Collected data:
=== Begin Enclosure ===

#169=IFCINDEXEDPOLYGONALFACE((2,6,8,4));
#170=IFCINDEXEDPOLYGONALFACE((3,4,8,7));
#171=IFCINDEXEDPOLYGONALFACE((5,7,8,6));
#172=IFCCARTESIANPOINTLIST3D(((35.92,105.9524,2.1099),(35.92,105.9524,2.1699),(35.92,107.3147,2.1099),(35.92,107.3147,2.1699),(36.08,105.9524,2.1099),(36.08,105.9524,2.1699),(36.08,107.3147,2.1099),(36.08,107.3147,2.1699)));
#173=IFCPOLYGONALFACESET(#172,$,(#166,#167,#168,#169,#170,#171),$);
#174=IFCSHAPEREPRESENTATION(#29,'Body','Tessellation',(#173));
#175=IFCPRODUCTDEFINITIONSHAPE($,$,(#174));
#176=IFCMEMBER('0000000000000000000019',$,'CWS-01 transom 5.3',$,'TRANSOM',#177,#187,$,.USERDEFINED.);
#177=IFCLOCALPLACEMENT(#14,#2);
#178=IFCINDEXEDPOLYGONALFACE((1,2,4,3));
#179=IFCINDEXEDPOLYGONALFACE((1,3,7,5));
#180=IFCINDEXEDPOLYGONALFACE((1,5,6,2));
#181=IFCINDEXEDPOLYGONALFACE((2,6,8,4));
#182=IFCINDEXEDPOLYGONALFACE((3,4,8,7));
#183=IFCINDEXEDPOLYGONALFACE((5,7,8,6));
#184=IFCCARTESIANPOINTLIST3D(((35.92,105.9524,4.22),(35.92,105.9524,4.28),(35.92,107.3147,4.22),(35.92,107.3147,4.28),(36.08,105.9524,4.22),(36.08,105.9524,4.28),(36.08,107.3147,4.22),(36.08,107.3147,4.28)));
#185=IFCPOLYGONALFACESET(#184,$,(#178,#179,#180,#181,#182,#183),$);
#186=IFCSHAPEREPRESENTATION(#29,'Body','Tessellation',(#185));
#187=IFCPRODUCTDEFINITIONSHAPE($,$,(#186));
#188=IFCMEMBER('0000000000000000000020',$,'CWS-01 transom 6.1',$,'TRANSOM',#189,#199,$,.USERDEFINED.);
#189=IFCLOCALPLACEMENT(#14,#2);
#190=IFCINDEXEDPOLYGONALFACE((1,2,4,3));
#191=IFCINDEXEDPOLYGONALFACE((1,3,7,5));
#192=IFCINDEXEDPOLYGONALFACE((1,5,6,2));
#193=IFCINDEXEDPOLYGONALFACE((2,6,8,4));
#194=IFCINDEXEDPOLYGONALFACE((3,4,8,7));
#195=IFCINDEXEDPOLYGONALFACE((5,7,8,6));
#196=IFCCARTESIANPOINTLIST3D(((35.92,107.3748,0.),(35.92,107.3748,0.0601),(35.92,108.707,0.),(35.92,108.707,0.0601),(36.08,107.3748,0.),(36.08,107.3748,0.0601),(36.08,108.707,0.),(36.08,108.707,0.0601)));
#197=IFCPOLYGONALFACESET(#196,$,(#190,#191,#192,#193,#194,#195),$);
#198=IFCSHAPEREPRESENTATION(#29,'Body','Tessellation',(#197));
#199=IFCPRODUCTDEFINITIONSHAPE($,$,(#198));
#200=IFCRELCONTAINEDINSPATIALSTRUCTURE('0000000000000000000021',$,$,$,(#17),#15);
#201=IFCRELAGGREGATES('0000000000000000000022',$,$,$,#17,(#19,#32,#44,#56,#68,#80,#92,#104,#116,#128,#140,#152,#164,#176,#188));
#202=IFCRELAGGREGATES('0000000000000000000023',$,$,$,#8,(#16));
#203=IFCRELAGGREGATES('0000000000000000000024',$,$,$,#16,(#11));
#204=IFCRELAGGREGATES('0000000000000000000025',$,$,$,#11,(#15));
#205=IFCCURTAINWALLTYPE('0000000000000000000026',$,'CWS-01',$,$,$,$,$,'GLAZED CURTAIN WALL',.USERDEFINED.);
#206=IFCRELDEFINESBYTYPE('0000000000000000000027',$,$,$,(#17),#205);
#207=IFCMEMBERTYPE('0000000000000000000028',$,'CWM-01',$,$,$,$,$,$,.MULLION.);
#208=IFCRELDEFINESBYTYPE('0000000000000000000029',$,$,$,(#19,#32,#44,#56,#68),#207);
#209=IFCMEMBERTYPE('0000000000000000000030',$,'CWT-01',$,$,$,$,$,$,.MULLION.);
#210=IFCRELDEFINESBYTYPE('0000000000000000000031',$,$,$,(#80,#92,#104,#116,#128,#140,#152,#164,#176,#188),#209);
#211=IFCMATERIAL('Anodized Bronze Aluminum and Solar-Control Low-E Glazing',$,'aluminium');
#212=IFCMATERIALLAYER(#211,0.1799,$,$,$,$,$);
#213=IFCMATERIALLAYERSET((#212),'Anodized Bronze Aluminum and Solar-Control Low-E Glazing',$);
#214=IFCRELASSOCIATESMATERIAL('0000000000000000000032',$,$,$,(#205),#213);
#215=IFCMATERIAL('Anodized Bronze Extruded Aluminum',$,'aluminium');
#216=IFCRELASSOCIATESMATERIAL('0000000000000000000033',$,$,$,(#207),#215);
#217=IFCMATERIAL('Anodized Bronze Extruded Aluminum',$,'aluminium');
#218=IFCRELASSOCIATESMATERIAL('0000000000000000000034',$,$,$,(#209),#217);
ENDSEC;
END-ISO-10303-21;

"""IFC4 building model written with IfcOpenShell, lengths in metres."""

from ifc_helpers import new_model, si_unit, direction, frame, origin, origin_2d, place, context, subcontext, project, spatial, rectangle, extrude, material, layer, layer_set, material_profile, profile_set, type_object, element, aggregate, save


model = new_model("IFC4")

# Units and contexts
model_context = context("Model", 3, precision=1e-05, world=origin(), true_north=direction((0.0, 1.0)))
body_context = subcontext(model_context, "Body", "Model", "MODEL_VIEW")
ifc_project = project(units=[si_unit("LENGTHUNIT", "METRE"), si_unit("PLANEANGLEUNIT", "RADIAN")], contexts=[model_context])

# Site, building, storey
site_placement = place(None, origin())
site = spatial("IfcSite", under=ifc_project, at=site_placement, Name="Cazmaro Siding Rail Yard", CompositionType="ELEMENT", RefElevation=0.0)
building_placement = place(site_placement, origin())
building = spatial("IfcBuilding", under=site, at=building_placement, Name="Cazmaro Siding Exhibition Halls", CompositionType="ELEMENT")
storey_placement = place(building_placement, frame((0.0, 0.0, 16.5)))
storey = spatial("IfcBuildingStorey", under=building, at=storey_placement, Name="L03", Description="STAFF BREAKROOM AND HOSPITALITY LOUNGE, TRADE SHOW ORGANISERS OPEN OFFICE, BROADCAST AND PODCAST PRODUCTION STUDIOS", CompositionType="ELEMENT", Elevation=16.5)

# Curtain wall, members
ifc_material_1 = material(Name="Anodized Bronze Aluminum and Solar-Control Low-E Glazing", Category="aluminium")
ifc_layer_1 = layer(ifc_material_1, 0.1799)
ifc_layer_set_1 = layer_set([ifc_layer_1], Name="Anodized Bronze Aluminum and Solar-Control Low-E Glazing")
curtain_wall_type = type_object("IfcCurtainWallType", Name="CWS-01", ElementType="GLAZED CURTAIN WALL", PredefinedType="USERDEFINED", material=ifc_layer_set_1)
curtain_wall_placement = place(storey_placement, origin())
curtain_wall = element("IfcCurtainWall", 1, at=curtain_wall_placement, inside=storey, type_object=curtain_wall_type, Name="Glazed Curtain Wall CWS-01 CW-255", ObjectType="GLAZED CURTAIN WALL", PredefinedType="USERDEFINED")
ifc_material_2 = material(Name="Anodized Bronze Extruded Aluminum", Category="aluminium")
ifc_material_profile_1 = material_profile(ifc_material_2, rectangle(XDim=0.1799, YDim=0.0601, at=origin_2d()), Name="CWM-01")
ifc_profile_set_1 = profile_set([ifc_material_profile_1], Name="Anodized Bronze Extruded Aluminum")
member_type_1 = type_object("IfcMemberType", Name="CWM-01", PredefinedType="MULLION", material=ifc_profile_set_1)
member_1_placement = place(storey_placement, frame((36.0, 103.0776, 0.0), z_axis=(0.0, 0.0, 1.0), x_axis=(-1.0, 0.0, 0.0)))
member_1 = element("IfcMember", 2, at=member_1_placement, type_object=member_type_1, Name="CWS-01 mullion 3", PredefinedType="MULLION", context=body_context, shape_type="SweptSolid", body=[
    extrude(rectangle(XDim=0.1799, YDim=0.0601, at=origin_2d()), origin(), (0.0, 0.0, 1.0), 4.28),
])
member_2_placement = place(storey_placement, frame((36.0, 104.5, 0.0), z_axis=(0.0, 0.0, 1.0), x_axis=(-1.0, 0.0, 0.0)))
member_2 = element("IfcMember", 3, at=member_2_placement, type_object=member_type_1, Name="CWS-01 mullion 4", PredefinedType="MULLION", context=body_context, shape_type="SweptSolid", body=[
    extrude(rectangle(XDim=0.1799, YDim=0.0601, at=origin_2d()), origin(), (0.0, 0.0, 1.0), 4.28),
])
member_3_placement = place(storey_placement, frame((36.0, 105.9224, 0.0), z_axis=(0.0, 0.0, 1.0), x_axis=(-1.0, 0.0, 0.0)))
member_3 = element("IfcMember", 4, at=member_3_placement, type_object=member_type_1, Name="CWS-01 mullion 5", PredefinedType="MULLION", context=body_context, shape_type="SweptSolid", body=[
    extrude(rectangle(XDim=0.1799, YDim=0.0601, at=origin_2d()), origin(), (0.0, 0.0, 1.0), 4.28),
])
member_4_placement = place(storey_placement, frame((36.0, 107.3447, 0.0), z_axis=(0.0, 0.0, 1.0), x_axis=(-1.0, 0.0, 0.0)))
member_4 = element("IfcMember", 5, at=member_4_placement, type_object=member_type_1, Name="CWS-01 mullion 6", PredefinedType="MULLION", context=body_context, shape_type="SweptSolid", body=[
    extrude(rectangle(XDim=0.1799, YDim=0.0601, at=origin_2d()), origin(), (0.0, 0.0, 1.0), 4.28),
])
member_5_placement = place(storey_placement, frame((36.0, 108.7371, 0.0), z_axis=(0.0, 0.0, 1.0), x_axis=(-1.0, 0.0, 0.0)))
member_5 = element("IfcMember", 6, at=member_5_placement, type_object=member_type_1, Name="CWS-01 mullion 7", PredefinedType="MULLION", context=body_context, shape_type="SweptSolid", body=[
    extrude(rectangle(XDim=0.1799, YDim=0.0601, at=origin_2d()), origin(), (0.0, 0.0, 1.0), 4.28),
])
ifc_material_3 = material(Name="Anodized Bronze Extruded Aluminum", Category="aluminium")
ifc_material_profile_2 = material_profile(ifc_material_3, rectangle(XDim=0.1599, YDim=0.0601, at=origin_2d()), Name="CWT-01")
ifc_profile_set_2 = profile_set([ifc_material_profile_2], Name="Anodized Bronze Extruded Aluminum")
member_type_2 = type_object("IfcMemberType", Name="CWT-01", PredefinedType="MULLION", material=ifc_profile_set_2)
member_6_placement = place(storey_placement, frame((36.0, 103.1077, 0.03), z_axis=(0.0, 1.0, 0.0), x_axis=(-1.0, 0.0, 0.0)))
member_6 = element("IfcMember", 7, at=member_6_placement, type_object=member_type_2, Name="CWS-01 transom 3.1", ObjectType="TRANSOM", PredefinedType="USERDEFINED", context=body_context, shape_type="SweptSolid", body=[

=== End Enclosure ===
=== Begin Enclosure ===

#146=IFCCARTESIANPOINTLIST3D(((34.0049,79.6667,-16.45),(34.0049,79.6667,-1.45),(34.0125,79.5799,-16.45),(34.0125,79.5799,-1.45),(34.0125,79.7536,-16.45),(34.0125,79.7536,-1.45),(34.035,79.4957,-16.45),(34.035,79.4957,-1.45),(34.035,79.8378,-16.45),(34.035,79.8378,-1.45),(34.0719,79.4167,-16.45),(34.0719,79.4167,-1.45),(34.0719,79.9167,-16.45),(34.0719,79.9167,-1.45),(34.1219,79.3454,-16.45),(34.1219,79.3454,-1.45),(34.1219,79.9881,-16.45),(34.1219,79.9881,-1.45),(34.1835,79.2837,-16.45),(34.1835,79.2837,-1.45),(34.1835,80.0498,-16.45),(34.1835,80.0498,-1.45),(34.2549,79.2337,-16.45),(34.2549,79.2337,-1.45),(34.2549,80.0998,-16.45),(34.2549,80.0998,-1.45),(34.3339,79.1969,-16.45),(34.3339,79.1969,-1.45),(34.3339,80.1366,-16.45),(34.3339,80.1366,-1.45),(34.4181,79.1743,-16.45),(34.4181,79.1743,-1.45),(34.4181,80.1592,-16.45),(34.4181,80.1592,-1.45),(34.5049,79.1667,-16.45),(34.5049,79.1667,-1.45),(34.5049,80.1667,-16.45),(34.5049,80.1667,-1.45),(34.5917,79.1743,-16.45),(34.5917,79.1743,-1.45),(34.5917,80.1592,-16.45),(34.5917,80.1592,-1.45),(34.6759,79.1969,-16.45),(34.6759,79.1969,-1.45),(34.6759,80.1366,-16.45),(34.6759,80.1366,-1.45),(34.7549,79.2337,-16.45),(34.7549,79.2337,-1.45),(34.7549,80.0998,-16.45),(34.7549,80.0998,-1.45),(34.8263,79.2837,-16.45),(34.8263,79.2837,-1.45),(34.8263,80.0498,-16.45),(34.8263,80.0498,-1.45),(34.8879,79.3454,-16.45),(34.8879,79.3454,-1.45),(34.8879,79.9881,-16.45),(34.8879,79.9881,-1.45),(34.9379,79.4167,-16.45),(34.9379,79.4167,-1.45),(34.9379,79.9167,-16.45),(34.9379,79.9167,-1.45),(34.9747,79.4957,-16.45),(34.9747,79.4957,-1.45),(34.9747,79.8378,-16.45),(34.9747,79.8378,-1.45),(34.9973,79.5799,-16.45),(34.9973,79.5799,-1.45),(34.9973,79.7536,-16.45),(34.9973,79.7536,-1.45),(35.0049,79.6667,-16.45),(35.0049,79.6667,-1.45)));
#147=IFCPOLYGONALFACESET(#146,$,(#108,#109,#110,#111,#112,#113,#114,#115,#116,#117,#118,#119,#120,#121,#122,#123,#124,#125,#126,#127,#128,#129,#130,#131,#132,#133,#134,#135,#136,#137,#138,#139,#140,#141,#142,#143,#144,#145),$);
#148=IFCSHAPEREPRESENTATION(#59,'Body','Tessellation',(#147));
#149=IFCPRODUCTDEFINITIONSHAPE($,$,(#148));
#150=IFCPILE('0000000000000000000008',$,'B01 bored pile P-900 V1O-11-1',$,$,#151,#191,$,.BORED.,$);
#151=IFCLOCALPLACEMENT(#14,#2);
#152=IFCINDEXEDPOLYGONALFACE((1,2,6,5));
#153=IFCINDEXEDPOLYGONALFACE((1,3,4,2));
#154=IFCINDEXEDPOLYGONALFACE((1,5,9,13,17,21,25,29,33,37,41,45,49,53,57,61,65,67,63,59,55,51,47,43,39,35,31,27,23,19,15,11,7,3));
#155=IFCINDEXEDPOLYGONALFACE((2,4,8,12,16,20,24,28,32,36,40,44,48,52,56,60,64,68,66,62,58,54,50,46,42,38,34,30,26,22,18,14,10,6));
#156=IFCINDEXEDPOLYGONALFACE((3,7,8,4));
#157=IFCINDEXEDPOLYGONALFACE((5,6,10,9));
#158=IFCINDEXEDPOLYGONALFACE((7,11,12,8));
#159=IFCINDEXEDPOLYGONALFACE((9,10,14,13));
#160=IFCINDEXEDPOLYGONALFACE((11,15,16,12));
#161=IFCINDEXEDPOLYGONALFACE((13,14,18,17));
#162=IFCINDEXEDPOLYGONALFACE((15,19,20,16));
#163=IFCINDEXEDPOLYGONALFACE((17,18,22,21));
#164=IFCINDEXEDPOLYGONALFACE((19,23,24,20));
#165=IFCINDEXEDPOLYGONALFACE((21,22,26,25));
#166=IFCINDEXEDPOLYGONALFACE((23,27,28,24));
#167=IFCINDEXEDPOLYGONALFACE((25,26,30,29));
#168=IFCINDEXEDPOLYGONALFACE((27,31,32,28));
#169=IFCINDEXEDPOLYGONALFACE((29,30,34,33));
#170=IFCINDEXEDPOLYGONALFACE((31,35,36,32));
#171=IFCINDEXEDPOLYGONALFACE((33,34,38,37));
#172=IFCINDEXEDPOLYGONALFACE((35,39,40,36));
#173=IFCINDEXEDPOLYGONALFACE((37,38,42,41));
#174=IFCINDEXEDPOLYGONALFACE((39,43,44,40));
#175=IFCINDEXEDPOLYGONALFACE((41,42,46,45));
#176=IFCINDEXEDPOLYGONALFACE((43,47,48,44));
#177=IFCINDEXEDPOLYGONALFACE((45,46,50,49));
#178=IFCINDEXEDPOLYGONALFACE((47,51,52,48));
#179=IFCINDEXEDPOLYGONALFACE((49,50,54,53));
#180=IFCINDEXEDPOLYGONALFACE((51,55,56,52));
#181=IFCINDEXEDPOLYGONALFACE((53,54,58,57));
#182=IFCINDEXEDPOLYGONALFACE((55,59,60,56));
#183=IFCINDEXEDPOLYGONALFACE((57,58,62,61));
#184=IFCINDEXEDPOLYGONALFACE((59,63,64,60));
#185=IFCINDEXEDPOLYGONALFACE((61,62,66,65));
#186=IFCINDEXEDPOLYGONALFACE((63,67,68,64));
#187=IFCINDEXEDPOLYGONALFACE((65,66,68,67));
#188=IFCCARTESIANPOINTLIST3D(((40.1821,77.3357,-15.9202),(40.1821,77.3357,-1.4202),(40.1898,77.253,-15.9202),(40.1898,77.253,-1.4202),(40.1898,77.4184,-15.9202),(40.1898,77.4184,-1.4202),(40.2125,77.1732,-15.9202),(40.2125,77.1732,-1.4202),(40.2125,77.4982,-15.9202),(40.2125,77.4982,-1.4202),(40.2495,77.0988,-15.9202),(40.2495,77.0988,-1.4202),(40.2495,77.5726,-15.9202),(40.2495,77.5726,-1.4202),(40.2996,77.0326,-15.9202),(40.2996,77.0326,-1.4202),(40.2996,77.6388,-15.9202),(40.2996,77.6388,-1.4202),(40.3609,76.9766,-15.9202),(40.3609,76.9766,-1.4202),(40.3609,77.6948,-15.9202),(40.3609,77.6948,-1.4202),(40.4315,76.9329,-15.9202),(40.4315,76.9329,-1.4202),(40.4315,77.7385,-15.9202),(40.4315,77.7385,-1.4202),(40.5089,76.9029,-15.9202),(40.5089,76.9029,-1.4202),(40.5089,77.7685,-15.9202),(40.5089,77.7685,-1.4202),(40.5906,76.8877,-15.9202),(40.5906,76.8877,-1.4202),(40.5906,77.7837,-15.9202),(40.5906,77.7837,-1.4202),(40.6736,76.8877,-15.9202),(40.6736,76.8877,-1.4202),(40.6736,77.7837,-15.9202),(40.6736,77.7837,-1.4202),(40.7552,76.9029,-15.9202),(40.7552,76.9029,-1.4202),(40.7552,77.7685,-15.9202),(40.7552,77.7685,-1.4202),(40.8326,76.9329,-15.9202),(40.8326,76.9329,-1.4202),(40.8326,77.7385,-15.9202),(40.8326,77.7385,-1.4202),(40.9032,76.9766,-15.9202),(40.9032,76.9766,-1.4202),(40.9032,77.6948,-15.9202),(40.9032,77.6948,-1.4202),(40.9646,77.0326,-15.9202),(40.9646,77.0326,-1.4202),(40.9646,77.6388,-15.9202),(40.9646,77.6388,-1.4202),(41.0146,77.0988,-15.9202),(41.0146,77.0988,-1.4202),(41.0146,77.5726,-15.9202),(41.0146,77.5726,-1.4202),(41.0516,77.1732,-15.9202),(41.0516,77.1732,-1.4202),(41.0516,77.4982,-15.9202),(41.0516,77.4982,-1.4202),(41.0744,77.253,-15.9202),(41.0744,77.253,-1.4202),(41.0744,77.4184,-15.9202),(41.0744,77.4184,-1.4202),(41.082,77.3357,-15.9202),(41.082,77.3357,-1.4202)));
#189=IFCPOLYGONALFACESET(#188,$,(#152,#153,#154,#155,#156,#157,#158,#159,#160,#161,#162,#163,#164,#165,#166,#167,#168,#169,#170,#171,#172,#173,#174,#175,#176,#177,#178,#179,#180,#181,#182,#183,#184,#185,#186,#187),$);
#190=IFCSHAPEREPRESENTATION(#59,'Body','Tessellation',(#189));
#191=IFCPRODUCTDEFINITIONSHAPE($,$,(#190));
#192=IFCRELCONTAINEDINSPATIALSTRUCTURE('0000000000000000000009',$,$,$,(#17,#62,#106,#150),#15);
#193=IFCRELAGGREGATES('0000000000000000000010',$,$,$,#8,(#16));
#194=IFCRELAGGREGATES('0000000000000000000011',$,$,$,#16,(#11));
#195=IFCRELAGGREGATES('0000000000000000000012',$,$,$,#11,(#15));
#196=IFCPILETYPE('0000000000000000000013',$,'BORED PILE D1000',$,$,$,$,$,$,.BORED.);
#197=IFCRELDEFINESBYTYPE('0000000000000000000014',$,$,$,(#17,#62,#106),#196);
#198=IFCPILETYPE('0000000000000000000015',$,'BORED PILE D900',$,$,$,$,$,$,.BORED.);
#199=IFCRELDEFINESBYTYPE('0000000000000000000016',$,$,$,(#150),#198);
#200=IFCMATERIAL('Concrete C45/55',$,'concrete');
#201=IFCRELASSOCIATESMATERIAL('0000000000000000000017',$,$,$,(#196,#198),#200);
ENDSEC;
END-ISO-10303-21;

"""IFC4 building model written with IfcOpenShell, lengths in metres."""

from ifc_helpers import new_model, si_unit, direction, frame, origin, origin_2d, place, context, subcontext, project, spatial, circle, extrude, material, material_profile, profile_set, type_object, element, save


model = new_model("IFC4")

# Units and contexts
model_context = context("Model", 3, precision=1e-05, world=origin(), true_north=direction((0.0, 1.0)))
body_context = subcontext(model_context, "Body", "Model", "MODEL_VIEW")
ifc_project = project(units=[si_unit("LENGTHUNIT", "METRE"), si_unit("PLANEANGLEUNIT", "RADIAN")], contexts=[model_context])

=== End Enclosure ===
=== Begin Enclosure ===

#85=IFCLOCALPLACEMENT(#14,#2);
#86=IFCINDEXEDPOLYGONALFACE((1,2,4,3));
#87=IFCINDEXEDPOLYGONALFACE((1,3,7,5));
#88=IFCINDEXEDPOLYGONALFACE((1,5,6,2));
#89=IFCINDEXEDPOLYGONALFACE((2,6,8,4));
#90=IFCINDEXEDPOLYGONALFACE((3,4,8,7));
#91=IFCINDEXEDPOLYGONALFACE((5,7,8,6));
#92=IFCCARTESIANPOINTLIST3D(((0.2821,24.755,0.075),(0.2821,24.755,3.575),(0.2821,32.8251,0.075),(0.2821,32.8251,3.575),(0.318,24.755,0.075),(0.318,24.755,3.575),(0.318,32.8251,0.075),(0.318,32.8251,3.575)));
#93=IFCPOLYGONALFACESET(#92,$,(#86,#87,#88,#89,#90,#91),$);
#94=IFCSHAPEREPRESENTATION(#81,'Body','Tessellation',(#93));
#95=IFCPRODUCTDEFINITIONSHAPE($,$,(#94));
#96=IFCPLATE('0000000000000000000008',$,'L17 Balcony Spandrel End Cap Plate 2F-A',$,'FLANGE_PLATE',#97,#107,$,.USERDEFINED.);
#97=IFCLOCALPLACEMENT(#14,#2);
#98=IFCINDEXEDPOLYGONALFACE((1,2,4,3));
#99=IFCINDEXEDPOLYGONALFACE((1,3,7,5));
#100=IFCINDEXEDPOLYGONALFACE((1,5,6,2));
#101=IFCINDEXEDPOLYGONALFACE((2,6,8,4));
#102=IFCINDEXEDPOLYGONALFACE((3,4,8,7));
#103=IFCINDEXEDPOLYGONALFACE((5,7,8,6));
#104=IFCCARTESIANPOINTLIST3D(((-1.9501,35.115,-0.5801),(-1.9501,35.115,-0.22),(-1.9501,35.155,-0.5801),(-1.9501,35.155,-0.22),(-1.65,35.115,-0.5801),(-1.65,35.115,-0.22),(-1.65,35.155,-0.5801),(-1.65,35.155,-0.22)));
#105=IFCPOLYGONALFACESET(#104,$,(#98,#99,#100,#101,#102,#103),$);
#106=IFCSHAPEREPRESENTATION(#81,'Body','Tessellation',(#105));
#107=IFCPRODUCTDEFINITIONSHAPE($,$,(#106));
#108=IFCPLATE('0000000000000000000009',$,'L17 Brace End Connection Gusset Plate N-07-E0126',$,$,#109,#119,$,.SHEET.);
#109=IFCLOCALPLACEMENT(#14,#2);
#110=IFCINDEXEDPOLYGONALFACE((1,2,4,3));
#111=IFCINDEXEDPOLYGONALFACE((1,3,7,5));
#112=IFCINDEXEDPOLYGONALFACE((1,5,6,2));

=== End Enclosure ===

> **Exercise goal**
Wherever the string "IFCRELAGGREGATES" appears in a line of the records above, copy that line.

> **Solved problem**
#201=IFCRELAGGREGATES('0000000000000000000022',$,$,$,#17,(#19,#32,#44,#56,#68,#80,#92,#104,#116,#128,#140,#152,#164,#176,#188));
#202=IFCRELAGGREGATES('0000000000000000000023',$,$,$,#8,(#16));
#203=IFCRELAGGREGATES('0000000000000000000024',$,$,$,#16,(#11));
#204=IFCRELAGGREGATES('0000000000000000000025',$,$,$,#11,(#15));
#193=IFCRELAGGREGATES('0000000000000000000010',$,$,$,#8,(#16));
#194=IFCRELAGGREGATES('0000000000000000000011',$,$,$,#16,(#11));
#195=IFCRELAGGREGATES('0000000000000000000012',$,$,$,#11,(#15));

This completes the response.